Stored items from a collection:

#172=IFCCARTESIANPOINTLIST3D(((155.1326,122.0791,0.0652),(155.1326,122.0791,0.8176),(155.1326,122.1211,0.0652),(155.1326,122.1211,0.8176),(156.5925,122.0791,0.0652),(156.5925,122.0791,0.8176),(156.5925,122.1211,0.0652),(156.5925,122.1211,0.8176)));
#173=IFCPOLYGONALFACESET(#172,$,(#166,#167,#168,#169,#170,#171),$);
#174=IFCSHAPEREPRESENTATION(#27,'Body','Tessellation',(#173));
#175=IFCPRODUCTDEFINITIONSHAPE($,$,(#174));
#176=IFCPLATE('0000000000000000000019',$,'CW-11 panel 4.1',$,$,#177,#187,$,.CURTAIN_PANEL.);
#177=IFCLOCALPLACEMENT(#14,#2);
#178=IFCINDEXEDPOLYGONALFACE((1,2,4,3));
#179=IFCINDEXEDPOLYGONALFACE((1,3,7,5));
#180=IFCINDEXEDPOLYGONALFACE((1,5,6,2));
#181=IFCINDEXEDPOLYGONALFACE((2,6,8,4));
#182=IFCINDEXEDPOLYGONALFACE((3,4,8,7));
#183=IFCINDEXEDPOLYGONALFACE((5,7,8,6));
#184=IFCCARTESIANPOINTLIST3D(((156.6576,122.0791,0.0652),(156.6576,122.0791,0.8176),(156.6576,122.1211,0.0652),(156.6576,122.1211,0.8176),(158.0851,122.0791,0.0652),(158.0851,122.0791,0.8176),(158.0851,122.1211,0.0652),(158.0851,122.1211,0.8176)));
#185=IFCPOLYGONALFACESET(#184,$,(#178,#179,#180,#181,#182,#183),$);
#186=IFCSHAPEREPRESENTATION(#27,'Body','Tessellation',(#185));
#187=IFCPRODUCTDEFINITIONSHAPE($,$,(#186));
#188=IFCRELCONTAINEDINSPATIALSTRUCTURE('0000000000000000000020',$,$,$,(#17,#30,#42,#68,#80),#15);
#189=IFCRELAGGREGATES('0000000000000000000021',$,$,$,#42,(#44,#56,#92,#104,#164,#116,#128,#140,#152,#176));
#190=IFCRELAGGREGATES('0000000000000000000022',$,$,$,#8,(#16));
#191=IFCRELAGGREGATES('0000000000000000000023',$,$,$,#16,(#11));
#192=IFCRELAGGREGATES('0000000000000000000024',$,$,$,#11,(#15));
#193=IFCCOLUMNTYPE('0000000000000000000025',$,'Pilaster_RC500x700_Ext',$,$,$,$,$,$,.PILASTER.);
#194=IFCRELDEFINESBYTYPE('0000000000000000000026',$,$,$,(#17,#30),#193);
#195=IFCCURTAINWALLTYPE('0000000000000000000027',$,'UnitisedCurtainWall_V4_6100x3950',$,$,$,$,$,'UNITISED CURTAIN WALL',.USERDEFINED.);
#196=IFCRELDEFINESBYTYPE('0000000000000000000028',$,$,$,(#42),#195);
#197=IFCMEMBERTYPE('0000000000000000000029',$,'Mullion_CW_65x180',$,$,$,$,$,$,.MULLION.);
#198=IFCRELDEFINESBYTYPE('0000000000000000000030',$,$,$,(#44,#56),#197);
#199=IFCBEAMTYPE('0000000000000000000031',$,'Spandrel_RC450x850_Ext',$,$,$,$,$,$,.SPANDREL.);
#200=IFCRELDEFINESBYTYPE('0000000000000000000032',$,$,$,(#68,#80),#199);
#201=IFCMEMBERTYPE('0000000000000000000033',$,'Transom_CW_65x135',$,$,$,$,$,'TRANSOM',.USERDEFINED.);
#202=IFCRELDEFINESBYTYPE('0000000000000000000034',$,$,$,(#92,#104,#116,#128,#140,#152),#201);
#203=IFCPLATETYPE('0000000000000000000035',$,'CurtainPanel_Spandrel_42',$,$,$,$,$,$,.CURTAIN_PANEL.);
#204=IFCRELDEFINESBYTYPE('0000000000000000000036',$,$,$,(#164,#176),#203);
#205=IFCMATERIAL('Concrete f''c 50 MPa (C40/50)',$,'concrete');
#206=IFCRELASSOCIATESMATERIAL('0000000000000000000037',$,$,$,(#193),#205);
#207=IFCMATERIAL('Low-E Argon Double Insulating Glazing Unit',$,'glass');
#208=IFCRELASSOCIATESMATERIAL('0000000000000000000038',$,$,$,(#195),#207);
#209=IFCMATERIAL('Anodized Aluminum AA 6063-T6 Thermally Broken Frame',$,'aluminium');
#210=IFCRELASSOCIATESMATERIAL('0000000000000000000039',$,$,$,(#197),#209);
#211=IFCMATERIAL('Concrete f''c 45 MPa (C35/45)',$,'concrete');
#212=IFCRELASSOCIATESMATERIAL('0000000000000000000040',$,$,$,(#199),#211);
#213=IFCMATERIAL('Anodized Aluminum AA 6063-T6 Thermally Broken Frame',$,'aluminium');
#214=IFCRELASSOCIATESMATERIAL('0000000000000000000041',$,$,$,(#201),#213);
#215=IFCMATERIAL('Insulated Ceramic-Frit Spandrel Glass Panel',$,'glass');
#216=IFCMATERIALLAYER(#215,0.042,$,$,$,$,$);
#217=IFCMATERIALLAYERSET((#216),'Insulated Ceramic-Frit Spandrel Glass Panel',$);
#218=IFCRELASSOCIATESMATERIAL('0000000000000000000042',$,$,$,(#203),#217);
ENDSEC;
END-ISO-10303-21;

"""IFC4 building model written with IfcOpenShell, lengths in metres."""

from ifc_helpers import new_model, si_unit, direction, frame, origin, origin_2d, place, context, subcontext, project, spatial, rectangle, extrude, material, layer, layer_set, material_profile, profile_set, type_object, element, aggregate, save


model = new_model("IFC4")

* * *

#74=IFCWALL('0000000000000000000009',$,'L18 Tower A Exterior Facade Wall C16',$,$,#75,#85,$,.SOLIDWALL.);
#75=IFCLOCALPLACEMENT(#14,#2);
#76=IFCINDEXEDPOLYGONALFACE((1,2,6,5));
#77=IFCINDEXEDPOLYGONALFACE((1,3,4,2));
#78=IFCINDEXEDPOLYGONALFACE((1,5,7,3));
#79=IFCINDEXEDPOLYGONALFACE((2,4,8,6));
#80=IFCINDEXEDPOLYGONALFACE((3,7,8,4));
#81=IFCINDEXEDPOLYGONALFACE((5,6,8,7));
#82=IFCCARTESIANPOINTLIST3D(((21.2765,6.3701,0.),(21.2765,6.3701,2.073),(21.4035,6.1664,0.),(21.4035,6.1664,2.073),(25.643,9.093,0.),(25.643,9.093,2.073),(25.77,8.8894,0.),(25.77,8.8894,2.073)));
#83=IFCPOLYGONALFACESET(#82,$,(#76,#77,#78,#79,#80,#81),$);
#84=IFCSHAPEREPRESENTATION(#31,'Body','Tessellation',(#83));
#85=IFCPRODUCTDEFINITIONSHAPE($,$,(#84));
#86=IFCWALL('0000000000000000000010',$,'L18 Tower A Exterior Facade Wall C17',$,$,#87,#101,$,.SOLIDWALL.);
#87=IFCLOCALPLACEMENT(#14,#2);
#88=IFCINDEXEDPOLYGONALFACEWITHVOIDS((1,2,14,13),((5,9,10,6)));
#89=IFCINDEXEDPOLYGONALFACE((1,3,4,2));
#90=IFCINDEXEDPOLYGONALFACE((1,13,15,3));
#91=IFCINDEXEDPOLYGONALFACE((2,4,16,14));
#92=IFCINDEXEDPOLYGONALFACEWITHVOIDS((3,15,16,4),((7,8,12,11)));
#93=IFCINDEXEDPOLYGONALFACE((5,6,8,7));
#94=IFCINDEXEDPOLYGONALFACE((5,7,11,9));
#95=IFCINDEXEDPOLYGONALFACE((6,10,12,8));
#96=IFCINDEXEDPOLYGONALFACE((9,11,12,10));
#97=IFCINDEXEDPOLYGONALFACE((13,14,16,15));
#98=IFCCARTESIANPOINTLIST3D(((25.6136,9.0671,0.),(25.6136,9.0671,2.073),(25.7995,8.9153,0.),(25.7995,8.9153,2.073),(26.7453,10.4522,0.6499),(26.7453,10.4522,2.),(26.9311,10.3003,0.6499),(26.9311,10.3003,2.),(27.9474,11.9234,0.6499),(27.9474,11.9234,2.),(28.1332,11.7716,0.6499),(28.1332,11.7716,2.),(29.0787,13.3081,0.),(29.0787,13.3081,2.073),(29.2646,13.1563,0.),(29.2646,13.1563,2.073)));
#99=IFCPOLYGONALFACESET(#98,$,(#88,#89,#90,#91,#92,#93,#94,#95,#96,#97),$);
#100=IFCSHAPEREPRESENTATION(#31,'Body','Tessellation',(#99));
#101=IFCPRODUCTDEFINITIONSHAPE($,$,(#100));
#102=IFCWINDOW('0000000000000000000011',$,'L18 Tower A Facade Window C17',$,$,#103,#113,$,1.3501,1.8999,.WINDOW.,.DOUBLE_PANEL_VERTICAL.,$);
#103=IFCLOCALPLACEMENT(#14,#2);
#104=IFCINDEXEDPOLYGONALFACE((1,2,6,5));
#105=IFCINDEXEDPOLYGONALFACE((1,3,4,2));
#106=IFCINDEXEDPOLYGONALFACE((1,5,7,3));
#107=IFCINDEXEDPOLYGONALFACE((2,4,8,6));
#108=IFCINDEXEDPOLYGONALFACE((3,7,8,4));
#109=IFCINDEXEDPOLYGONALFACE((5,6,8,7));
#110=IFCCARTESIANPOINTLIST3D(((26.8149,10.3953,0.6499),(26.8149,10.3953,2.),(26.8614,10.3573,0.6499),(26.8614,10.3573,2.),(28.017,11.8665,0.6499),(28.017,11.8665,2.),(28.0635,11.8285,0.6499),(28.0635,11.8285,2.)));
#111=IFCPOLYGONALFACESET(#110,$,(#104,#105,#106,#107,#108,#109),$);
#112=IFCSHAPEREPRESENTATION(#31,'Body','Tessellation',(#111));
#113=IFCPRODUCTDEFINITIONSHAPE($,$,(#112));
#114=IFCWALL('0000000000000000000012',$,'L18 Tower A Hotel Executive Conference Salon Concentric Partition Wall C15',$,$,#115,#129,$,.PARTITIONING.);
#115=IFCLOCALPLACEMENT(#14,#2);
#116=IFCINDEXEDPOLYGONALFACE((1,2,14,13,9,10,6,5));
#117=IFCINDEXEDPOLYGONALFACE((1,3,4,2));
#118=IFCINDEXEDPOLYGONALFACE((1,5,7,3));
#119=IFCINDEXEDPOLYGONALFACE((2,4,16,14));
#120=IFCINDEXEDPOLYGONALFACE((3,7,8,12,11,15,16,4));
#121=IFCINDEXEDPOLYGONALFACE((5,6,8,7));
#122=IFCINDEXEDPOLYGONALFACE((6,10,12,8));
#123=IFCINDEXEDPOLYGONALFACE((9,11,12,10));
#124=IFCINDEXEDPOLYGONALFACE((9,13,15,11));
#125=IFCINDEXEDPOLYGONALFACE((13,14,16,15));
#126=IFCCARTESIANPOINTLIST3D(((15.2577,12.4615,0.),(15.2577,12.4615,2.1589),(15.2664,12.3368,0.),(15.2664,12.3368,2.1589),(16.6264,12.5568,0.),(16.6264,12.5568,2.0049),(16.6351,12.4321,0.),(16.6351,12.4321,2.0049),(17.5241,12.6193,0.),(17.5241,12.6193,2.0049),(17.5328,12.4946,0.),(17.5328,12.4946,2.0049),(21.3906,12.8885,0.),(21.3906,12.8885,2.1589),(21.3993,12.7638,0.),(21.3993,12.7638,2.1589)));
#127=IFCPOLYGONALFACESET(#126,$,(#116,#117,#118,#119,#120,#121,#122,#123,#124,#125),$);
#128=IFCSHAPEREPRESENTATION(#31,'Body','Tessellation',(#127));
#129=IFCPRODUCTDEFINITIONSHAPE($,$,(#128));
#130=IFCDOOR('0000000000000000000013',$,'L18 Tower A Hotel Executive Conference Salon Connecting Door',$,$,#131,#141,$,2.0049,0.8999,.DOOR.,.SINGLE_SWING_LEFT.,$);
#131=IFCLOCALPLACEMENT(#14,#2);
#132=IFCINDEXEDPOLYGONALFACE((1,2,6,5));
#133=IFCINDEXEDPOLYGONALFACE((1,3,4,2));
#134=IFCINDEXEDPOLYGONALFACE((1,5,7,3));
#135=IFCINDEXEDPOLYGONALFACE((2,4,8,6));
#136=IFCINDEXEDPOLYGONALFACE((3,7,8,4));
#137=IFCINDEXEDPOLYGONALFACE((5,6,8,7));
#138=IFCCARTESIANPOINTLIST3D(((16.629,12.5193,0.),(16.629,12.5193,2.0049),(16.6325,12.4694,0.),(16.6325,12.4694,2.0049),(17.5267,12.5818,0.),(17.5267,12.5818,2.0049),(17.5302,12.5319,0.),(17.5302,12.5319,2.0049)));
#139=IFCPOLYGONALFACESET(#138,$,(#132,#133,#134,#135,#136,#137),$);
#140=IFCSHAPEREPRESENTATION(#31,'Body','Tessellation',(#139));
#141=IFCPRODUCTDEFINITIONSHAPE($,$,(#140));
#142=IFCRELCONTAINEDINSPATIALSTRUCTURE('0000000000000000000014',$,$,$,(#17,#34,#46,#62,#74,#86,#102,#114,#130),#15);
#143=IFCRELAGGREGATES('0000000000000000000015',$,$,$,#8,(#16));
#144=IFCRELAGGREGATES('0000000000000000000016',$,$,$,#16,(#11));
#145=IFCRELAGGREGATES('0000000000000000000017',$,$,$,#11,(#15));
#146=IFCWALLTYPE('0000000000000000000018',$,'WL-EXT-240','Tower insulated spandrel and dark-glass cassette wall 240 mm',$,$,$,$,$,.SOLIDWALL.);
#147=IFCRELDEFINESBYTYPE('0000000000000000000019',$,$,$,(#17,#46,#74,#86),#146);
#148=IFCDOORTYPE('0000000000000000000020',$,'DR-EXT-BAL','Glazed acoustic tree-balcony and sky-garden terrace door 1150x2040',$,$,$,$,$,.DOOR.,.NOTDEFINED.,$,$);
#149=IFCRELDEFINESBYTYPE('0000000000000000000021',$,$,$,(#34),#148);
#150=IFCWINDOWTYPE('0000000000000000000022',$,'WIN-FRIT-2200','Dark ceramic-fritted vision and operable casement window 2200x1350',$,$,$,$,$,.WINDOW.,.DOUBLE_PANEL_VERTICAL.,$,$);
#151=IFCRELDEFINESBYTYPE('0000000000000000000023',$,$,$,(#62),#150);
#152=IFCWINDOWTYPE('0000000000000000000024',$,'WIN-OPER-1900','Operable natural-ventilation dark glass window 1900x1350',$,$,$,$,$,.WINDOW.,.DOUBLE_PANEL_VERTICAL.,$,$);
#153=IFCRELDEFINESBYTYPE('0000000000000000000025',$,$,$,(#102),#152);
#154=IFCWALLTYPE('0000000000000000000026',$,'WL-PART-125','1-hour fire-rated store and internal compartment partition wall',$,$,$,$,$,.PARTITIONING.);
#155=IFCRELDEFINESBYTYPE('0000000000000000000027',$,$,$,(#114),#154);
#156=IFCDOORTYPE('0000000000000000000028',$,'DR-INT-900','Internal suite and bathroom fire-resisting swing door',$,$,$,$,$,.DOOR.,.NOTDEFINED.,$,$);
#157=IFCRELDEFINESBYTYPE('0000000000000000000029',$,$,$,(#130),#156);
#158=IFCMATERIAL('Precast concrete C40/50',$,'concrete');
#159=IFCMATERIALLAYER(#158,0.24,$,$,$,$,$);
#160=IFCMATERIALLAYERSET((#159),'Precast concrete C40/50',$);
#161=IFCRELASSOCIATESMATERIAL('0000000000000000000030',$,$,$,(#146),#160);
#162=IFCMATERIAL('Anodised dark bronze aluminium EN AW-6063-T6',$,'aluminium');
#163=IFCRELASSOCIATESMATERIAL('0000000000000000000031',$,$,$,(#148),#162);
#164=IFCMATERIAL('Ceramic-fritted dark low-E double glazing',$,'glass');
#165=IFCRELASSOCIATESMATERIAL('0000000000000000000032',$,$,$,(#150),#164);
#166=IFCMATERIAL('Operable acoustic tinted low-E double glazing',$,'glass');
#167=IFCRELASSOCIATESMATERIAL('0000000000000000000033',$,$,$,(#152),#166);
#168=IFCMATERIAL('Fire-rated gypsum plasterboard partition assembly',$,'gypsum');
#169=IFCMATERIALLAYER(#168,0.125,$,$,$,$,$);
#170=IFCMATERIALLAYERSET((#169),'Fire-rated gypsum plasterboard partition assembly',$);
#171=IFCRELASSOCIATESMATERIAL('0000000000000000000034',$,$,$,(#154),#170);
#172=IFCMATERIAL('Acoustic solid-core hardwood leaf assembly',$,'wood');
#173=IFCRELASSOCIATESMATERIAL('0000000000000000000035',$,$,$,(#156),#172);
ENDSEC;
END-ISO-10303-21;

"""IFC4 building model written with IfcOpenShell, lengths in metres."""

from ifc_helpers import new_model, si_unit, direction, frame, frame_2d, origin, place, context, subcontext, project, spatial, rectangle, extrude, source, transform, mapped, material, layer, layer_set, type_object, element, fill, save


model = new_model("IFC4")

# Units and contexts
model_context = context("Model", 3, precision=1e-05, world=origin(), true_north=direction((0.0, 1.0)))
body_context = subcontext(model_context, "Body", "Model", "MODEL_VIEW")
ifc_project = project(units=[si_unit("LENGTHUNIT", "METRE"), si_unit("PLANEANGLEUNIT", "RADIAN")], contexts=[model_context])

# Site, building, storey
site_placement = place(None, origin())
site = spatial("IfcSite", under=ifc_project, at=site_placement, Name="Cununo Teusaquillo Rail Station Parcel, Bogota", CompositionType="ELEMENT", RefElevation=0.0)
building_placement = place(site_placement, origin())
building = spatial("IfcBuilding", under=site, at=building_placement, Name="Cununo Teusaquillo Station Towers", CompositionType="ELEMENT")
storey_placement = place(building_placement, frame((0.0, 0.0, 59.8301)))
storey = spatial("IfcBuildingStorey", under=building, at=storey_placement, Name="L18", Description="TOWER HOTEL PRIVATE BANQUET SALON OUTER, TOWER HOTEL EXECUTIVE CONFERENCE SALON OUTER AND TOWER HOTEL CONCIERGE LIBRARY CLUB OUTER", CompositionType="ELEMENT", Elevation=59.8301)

* * *

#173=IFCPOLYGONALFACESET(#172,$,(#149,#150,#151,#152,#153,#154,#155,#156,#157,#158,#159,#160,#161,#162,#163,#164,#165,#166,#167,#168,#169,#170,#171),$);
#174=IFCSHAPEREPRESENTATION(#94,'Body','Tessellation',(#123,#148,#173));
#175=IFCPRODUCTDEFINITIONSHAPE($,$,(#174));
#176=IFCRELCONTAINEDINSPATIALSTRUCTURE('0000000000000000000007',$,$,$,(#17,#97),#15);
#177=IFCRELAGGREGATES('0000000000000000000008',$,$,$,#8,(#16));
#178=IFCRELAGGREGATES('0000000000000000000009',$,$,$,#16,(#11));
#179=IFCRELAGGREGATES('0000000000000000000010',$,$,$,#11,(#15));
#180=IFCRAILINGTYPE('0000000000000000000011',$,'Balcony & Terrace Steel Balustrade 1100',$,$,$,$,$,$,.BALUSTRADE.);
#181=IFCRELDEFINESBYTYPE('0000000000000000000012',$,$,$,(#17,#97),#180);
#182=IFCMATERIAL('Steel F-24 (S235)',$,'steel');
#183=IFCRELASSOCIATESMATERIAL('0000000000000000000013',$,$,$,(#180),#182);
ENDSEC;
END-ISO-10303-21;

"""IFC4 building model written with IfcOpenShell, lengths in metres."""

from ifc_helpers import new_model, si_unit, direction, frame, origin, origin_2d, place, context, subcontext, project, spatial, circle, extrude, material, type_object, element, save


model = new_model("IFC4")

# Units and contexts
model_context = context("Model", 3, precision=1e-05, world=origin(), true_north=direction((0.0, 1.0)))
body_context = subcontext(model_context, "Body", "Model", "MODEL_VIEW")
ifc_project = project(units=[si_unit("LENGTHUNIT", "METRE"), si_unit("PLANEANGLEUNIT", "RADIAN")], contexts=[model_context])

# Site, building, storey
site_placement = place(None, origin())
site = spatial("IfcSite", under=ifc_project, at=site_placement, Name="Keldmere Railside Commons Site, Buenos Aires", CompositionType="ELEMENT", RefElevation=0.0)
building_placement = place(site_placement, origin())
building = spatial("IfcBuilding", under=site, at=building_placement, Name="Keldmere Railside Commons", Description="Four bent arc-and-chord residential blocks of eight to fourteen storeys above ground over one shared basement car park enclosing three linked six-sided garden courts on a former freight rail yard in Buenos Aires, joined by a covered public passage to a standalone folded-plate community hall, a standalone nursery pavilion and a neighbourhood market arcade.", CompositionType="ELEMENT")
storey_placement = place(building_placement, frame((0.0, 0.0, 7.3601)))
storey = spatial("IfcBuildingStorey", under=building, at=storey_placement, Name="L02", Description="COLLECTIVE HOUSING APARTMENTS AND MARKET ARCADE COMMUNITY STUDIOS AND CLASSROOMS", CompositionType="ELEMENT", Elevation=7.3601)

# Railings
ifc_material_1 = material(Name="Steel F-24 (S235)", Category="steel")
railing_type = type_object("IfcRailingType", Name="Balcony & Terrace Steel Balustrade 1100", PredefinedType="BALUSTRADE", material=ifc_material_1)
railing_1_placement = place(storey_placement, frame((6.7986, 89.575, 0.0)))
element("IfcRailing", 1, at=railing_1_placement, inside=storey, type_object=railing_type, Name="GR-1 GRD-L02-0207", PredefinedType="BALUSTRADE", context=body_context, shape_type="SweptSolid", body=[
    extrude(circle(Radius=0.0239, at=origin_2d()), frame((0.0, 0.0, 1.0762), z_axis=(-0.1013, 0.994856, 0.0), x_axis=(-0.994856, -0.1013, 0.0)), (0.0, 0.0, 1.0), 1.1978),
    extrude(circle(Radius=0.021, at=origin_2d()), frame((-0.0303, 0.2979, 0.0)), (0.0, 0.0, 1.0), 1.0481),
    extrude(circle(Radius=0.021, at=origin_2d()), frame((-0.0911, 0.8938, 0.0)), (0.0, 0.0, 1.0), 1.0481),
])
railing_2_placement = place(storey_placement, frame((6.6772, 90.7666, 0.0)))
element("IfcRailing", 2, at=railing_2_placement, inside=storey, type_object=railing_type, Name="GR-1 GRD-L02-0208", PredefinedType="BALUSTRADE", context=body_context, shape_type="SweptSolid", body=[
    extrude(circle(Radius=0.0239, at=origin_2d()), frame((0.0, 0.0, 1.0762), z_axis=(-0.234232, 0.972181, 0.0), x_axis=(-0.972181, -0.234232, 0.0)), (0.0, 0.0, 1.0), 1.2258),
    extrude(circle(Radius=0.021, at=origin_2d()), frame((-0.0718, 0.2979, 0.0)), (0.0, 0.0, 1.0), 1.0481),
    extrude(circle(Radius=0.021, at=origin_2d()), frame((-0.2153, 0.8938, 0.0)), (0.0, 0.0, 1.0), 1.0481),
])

§ PROBLEM: Scan the entries above for the string "PARTITIONING", and copy every line where it turns up.

§ WRITTEN REPLY:
#114=IFCWALL('0000000000000000000012',$,'L18 Tower A Hotel Executive Conference Salon Concentric Partition Wall C15',$,$,#115,#129,$,.PARTITIONING.);
#154=IFCWALLTYPE('0000000000000000000026',$,'WL-PART-125','1-hour fire-rated store and internal compartment partition wall',$,$,$,$,$,.PARTITIONING.);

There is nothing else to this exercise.